[Dataset entries]
○ ○ ○ ○ ○
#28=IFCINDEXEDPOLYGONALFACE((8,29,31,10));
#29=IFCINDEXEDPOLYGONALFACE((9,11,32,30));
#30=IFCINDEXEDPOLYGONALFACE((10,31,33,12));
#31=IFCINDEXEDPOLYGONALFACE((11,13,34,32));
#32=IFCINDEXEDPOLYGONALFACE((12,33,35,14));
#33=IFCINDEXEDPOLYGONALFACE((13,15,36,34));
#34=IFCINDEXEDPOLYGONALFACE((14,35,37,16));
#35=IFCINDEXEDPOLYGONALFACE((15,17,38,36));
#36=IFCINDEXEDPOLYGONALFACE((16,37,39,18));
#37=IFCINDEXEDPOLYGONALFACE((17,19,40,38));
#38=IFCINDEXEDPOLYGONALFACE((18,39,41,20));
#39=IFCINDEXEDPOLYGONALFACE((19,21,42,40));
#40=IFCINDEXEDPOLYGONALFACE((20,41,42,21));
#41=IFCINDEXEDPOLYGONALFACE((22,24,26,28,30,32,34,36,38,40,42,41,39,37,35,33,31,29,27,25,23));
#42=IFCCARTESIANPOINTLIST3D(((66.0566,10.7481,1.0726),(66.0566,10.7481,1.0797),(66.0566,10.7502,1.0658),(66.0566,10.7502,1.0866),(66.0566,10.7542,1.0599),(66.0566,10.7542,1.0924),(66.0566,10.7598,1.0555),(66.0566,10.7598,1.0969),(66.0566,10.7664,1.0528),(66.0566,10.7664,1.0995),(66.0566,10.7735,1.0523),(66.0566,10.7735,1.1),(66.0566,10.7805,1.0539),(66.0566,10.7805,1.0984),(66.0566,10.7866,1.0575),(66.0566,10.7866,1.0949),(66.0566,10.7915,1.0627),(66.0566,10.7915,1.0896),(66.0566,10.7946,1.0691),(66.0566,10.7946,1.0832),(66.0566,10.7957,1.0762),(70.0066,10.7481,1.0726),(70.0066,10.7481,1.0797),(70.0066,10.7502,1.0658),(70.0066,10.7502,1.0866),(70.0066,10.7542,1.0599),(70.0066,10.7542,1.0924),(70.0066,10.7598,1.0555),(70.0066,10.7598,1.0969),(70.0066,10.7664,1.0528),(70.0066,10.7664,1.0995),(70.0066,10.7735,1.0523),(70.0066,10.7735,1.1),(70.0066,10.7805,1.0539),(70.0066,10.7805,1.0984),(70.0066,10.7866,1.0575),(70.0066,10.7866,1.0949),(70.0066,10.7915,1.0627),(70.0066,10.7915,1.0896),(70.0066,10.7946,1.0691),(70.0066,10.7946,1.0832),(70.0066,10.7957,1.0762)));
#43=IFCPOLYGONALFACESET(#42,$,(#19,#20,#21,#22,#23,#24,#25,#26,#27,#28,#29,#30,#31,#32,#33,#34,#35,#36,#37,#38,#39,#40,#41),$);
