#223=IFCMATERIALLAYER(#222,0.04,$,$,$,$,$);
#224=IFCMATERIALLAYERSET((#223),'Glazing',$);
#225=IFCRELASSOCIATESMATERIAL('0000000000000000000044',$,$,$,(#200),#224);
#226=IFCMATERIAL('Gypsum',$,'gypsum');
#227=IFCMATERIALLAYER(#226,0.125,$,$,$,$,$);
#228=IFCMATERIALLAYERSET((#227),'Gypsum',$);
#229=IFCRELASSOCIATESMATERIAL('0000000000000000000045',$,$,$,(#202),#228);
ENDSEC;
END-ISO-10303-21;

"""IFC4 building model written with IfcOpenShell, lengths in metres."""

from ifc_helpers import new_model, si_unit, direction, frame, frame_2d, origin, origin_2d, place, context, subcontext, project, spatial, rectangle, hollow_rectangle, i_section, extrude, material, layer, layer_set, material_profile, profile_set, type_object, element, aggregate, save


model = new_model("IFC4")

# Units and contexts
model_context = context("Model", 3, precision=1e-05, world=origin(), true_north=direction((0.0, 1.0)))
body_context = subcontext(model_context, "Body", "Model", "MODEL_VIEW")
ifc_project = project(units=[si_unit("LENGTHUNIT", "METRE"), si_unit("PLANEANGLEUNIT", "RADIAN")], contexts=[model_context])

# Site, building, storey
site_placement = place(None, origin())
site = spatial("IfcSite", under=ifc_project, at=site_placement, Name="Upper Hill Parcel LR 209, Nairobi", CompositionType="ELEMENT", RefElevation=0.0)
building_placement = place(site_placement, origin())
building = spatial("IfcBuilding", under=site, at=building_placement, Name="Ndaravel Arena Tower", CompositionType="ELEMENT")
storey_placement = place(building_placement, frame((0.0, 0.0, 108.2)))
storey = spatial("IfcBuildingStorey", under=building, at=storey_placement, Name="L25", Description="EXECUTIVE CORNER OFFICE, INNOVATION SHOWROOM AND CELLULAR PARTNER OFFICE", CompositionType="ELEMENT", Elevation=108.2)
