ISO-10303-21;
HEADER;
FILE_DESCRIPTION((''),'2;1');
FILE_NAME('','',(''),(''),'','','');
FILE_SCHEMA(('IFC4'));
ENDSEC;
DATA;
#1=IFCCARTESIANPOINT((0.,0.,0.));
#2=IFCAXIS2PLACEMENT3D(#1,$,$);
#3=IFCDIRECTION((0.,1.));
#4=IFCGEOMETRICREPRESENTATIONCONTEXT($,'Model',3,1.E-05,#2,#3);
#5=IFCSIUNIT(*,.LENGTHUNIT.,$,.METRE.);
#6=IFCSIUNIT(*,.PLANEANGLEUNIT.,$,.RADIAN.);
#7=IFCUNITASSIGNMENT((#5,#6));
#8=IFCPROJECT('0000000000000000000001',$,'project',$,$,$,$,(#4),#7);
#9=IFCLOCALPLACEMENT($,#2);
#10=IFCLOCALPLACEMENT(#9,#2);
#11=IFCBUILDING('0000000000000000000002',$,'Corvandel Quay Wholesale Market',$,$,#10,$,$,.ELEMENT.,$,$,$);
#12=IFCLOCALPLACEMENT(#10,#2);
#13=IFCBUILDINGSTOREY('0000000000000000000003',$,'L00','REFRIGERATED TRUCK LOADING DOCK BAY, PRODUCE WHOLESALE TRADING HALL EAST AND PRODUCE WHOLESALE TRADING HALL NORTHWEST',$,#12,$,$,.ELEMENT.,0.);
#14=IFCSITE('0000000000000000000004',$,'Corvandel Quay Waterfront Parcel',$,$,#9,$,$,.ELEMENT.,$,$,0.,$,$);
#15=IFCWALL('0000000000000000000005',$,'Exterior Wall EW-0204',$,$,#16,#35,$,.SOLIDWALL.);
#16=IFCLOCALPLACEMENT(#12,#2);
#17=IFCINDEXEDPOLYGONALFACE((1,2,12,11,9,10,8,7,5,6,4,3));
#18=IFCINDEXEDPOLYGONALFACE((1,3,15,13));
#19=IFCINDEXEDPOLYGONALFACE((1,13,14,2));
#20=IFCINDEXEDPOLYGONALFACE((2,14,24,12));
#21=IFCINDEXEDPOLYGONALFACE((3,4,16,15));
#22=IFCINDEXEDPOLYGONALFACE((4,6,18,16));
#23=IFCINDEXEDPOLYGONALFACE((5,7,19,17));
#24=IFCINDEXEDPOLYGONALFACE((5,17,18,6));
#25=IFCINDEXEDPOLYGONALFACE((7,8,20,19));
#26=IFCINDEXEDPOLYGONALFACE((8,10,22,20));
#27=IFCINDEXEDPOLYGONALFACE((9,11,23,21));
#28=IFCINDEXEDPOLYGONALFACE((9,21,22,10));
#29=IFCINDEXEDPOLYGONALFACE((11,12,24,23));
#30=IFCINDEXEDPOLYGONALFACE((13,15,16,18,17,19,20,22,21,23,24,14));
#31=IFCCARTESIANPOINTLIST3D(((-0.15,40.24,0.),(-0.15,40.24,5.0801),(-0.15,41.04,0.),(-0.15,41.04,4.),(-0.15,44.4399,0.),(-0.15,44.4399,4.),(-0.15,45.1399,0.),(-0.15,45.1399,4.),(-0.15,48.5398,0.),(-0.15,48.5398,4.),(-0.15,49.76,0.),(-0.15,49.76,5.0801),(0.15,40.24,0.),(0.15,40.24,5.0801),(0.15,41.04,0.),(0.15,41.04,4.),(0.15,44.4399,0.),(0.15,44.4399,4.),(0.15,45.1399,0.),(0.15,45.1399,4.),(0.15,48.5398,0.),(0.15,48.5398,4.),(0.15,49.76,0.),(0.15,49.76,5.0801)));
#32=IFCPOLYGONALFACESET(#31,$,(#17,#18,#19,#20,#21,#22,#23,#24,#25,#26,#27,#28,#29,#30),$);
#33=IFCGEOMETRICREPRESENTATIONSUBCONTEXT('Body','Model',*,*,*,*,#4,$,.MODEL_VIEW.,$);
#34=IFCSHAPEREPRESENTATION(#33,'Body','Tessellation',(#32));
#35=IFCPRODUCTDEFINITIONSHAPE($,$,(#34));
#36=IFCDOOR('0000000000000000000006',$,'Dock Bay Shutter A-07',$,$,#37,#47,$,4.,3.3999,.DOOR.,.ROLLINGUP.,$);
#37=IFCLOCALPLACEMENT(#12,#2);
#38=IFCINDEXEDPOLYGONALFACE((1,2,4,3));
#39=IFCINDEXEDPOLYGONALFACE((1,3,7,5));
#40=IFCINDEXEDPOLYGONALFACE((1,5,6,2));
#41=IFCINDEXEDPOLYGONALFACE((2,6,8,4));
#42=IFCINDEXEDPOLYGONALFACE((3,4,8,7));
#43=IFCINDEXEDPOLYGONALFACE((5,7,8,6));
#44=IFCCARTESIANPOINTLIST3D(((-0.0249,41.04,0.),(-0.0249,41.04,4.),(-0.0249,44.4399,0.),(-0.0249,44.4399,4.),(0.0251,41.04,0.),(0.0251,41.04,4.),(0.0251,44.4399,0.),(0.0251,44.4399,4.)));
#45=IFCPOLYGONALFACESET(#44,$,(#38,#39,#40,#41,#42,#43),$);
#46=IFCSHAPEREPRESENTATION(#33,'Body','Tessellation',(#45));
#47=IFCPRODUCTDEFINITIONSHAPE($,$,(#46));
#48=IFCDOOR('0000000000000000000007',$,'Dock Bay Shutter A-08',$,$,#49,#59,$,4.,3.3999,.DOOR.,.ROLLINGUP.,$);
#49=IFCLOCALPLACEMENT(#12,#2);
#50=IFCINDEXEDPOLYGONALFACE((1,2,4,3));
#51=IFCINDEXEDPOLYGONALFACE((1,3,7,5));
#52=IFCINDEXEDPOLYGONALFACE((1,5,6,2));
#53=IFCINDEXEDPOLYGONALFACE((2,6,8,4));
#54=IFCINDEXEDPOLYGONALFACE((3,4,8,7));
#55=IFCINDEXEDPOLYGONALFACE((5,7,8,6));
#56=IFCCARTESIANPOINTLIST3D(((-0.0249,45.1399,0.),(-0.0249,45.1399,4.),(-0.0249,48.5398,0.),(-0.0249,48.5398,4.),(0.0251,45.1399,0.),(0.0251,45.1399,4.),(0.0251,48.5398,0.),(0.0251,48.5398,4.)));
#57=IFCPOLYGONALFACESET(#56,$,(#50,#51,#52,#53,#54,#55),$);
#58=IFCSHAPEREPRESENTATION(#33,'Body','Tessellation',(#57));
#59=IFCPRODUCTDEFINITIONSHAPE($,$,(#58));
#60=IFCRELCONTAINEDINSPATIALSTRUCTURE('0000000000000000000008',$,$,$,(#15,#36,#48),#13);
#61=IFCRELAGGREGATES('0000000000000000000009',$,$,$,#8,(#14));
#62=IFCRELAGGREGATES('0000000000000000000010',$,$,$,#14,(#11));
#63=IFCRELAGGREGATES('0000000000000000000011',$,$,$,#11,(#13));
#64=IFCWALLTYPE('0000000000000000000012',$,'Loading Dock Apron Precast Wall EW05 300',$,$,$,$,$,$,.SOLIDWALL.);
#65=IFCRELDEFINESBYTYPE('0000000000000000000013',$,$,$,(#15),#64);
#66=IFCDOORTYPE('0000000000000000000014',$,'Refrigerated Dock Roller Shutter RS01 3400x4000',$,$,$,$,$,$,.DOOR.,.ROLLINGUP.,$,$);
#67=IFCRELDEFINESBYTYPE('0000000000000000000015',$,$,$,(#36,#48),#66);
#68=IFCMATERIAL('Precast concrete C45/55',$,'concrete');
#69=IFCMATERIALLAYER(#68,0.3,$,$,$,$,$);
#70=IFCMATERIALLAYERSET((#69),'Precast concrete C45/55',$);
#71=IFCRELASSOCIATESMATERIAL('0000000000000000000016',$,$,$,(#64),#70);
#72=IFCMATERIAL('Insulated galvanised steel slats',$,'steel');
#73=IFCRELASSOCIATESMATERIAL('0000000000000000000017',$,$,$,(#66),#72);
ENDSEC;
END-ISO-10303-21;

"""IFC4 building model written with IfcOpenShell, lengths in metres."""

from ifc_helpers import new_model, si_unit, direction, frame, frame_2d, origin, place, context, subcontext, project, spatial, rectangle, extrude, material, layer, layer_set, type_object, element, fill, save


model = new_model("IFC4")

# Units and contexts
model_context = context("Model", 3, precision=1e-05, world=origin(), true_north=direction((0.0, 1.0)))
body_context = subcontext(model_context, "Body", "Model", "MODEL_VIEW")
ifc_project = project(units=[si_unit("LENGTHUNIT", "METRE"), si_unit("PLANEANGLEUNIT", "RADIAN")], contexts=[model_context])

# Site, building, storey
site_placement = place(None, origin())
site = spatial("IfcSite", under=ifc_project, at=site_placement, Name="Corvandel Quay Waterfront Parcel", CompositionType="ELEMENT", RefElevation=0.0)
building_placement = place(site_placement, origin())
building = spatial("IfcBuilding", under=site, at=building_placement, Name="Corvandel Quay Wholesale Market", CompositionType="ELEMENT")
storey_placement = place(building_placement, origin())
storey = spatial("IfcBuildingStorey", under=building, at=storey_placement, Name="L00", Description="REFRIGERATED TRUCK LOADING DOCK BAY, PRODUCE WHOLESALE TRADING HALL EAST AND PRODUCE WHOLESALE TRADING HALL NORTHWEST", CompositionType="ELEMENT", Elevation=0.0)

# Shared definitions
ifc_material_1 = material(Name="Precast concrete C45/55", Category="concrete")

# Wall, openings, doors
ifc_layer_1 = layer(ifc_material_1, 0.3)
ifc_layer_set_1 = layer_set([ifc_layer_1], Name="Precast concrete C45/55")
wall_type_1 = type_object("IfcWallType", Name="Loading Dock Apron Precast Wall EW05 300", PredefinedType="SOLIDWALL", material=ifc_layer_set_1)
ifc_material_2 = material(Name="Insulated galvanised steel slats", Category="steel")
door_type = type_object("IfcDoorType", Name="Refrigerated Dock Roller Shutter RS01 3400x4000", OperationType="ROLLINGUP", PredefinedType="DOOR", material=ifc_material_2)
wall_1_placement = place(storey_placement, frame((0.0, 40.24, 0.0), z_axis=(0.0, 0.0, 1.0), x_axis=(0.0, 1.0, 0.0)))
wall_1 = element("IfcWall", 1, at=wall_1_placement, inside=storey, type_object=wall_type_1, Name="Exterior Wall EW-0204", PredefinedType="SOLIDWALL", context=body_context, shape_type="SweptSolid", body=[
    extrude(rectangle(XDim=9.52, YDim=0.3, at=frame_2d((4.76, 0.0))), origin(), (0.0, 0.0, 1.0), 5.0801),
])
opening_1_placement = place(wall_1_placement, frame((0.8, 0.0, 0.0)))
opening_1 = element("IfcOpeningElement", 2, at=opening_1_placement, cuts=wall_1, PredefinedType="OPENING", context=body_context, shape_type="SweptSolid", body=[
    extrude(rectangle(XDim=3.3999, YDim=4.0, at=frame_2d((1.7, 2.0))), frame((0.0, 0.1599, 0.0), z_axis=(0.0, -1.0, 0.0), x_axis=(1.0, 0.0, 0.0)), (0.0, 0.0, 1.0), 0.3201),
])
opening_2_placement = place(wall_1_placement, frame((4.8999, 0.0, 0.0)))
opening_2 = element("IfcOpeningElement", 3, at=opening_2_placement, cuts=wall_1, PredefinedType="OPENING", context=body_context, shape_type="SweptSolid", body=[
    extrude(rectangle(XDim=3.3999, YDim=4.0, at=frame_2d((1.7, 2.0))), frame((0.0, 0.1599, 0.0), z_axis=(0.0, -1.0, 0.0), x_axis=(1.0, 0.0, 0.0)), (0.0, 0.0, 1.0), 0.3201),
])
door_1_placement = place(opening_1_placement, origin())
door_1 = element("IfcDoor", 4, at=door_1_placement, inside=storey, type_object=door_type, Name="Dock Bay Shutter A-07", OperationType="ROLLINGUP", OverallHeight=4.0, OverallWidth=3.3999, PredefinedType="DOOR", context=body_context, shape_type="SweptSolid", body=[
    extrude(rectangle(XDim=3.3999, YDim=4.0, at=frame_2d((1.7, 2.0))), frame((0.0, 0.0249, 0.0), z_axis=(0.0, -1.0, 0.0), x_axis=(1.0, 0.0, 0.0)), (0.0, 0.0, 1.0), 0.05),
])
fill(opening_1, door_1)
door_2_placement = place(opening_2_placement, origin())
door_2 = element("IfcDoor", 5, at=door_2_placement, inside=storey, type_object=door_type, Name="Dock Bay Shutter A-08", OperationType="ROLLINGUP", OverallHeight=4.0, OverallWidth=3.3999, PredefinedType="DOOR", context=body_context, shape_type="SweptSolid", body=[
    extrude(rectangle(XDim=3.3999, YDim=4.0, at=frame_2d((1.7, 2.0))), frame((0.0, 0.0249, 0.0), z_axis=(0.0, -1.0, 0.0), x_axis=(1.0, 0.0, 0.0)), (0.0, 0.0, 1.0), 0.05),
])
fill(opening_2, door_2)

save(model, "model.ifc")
○ ○ ○ ○ ○
ACTIVITY ->
Among the lines of the data, identify those with the word "IFCRELDEFINESBYTYPE". Copy each of them.

RESPONSE TO THIS EXERCISE ->
#65=IFCRELDEFINESBYTYPE('0000000000000000000013',$,$,$,(#15),#64);
#67=IFCRELDEFINESBYTYPE('0000000000000000000015',$,$,$,(#36,#48),#66);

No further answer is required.